▶ _TASK DESCRIPTION_
Starting at the first line of the records below, transcribe each line exactly, ending with the line that contains "#127=IFCINDEXEDPOLYGONALFACE((1,3,7,5));".

PROVIDED DATA START

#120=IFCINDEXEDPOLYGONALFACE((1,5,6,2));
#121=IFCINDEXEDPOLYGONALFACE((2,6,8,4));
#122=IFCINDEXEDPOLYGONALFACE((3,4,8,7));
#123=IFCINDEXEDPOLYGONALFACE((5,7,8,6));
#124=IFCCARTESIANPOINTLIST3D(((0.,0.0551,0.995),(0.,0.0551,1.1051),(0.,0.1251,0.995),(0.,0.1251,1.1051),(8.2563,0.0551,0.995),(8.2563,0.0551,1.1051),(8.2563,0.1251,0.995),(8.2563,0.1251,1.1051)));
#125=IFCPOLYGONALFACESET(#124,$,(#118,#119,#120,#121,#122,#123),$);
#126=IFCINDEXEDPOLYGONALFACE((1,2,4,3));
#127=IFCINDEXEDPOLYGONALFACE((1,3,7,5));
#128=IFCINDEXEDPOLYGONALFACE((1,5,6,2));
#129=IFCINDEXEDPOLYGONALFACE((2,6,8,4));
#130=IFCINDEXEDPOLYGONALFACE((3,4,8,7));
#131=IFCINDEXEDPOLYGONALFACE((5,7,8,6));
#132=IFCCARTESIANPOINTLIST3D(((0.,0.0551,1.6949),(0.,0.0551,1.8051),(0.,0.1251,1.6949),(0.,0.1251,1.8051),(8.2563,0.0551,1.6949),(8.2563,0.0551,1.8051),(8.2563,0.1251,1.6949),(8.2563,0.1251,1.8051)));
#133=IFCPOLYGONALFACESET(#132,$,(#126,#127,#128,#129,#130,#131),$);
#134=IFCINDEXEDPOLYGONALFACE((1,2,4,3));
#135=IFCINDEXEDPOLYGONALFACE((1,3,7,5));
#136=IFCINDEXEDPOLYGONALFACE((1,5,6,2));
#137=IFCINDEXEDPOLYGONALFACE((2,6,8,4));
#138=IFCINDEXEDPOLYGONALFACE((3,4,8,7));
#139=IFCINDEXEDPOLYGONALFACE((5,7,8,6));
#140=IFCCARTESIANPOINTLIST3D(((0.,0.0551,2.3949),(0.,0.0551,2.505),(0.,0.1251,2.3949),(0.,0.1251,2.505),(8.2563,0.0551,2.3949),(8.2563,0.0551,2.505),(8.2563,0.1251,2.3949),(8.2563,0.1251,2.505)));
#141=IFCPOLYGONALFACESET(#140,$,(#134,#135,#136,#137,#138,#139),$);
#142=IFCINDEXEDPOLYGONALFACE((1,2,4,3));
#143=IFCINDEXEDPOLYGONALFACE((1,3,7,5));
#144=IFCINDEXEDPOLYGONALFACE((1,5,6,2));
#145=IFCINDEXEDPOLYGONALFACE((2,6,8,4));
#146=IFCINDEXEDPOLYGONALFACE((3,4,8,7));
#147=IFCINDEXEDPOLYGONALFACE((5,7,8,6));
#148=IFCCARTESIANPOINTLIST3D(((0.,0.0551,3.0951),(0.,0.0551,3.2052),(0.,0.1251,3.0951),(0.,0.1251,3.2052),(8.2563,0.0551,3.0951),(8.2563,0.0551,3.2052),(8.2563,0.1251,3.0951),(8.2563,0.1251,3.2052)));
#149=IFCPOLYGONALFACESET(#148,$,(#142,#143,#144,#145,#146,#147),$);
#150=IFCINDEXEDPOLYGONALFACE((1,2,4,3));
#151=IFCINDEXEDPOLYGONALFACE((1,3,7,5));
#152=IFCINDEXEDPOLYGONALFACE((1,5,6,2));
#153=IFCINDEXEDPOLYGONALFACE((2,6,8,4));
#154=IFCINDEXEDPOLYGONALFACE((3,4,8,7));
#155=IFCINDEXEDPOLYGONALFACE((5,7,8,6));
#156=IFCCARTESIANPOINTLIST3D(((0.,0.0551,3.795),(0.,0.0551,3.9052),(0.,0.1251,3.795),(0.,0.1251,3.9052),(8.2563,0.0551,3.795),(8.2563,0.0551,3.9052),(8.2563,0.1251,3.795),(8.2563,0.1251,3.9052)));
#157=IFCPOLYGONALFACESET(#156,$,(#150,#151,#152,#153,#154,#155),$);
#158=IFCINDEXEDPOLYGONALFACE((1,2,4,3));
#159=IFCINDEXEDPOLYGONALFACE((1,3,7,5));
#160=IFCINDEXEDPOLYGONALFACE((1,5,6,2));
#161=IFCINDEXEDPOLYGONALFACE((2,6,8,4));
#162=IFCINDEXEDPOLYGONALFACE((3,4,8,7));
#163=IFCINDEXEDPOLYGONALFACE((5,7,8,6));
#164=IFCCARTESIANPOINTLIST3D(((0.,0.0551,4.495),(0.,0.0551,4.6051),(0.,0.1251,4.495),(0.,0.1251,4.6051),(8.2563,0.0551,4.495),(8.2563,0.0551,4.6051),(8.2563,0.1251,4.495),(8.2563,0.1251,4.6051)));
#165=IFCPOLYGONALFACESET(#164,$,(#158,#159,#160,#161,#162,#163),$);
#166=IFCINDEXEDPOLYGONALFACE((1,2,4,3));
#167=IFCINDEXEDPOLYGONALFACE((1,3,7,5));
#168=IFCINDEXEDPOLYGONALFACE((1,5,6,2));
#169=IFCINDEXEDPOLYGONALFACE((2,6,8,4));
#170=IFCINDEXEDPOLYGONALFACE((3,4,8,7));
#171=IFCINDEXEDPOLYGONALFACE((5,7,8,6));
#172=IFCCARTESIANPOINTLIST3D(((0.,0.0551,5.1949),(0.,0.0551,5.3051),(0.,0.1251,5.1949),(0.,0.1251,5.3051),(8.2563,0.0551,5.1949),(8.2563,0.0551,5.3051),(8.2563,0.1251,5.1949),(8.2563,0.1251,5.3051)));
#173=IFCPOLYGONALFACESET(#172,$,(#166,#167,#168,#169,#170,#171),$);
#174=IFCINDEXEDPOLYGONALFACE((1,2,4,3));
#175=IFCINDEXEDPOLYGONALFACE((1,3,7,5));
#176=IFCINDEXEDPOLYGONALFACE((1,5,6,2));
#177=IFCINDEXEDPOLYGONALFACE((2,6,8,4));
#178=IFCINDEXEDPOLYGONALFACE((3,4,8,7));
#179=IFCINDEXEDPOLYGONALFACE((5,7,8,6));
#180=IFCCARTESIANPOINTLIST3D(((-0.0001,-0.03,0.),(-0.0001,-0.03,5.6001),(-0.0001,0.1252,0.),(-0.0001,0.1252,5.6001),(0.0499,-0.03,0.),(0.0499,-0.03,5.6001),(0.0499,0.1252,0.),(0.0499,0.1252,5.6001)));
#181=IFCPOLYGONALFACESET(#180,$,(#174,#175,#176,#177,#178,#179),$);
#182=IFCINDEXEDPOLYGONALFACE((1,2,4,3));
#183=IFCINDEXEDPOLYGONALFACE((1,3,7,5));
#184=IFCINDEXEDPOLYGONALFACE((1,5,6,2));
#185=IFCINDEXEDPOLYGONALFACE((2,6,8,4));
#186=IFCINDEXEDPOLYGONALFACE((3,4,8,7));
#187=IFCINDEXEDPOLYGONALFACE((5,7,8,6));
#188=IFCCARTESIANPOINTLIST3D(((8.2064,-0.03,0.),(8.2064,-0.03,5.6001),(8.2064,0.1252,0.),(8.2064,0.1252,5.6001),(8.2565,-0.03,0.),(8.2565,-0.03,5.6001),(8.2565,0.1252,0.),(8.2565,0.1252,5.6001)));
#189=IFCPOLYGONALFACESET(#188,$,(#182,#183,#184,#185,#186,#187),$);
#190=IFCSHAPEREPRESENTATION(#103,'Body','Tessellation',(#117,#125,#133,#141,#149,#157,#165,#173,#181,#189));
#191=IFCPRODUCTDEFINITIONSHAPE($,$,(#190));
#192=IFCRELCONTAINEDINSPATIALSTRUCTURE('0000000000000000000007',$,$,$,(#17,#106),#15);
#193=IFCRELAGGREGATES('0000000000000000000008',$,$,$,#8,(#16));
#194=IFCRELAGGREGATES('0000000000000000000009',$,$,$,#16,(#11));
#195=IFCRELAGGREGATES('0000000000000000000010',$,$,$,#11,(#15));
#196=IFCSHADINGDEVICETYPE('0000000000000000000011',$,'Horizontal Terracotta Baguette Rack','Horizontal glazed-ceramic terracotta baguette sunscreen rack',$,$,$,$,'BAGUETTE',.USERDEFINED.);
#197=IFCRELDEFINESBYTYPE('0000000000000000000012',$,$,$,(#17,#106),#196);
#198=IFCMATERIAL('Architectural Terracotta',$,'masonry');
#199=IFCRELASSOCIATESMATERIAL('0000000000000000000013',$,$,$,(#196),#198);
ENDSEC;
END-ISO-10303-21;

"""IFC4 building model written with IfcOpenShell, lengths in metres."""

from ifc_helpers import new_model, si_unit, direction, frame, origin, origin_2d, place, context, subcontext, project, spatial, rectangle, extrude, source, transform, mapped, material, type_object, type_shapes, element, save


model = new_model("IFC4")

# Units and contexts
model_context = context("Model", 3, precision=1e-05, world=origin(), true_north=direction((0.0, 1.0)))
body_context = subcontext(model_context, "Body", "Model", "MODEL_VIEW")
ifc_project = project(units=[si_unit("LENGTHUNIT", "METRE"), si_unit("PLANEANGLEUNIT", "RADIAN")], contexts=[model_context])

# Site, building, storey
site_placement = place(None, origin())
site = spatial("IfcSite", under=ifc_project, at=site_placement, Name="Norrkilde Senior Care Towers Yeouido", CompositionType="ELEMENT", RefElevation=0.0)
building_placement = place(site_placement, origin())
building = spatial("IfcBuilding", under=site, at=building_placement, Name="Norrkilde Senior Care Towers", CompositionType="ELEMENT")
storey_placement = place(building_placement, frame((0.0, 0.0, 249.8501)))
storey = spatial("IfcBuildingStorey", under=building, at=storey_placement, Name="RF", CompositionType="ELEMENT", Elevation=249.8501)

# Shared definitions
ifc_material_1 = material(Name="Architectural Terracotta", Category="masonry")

PROVIDED DATA END

▶ _PROBLEM SOLUTION_
#120=IFCINDEXEDPOLYGONALFACE((1,5,6,2));
#121=IFCINDEXEDPOLYGONALFACE((2,6,8,4));
#122=IFCINDEXEDPOLYGONALFACE((3,4,8,7));
#123=IFCINDEXEDPOLYGONALFACE((5,7,8,6));
#124=IFCCARTESIANPOINTLIST3D(((0.,0.0551,0.995),(0.,0.0551,1.1051),(0.,0.1251,0.995),(0.,0.1251,1.1051),(8.2563,0.0551,0.995),(8.2563,0.0551,1.1051),(8.2563,0.1251,0.995),(8.2563,0.1251,1.1051)));
#125=IFCPOLYGONALFACESET(#124,$,(#118,#119,#120,#121,#122,#123),$);
#126=IFCINDEXEDPOLYGONALFACE((1,2,4,3));
#127=IFCINDEXEDPOLYGONALFACE((1,3,7,5));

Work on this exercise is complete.